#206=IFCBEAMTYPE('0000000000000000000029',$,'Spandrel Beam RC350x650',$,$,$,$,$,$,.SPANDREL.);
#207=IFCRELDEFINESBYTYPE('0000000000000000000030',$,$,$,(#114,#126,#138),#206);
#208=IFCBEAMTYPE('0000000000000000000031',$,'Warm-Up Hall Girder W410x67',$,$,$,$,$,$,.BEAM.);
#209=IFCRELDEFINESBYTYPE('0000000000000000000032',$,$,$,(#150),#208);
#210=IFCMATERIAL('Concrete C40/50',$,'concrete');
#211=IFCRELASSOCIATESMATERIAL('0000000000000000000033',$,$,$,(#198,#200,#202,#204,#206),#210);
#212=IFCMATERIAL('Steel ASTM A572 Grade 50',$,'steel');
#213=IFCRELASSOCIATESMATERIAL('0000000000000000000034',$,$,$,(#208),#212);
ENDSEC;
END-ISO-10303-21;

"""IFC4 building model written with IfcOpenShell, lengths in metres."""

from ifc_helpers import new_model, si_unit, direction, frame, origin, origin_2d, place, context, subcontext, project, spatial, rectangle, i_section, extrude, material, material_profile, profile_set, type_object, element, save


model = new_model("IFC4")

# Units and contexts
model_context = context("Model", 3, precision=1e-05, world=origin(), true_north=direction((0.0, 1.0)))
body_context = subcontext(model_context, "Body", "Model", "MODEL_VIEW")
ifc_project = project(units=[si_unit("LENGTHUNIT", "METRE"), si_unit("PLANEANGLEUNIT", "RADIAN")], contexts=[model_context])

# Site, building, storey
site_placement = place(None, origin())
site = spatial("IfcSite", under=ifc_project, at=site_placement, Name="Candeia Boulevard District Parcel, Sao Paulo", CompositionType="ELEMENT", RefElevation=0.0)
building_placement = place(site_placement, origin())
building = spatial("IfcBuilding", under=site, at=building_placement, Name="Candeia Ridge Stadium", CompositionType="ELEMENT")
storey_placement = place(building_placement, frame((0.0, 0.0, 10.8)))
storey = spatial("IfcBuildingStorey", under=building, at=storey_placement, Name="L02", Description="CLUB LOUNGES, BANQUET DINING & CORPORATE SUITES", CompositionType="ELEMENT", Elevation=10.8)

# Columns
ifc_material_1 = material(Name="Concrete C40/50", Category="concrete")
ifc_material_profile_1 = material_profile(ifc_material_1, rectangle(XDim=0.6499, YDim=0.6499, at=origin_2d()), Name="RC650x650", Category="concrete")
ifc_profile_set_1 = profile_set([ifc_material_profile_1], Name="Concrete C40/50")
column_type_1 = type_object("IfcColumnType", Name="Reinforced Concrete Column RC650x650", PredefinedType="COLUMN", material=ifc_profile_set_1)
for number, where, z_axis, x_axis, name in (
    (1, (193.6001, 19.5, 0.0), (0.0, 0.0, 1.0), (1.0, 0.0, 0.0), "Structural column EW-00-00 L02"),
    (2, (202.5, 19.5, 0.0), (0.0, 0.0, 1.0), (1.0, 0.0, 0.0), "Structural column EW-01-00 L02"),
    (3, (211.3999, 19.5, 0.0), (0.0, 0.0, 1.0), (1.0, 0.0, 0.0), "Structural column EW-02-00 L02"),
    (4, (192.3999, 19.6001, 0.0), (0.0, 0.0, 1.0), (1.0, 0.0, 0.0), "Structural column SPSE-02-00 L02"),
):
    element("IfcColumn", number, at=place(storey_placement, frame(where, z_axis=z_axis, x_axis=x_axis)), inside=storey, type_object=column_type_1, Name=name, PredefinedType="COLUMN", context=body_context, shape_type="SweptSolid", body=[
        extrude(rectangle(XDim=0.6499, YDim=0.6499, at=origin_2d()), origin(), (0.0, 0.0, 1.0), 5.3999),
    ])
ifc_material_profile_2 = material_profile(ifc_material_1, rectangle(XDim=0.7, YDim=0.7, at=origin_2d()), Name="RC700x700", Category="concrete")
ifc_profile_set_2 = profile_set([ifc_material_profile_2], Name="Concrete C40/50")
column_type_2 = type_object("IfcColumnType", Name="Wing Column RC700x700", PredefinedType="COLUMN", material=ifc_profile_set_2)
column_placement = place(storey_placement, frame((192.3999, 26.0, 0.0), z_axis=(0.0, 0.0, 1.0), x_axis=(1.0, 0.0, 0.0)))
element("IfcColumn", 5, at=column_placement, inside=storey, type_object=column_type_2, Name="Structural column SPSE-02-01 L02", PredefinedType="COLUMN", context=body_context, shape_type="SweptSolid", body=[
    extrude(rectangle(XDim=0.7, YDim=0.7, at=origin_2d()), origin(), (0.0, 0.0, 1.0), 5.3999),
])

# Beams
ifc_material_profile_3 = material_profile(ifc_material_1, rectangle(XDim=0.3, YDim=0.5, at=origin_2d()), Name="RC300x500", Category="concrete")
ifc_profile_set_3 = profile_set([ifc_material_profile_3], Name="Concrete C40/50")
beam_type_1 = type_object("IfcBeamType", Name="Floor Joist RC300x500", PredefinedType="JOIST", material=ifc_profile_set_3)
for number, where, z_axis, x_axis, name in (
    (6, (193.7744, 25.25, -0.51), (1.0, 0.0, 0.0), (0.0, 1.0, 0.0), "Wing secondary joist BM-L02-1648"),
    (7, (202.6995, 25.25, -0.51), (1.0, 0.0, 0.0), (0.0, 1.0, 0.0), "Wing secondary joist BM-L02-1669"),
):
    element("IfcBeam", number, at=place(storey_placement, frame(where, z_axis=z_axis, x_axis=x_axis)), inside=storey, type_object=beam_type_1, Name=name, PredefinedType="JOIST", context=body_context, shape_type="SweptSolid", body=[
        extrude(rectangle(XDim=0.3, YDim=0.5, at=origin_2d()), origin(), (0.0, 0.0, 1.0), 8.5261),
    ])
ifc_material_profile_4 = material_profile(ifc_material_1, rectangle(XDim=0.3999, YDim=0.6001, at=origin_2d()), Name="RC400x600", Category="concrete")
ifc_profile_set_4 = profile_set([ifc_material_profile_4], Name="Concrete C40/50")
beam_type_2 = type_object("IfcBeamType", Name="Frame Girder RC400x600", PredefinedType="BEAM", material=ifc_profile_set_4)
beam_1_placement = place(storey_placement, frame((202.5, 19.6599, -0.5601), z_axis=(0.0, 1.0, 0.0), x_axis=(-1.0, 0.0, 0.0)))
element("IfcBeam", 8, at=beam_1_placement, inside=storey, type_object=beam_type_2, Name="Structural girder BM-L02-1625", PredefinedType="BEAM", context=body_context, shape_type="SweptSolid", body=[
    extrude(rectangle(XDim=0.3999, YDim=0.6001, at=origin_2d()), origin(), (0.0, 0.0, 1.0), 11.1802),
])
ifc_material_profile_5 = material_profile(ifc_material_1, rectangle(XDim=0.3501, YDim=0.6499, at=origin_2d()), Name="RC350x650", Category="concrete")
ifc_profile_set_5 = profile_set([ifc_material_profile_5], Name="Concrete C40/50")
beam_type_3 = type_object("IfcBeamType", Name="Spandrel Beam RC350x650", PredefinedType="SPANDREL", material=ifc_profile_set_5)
****************************************
What you have to do: Write only the number of lines in the data where the word "inside" occurs.

Response: 4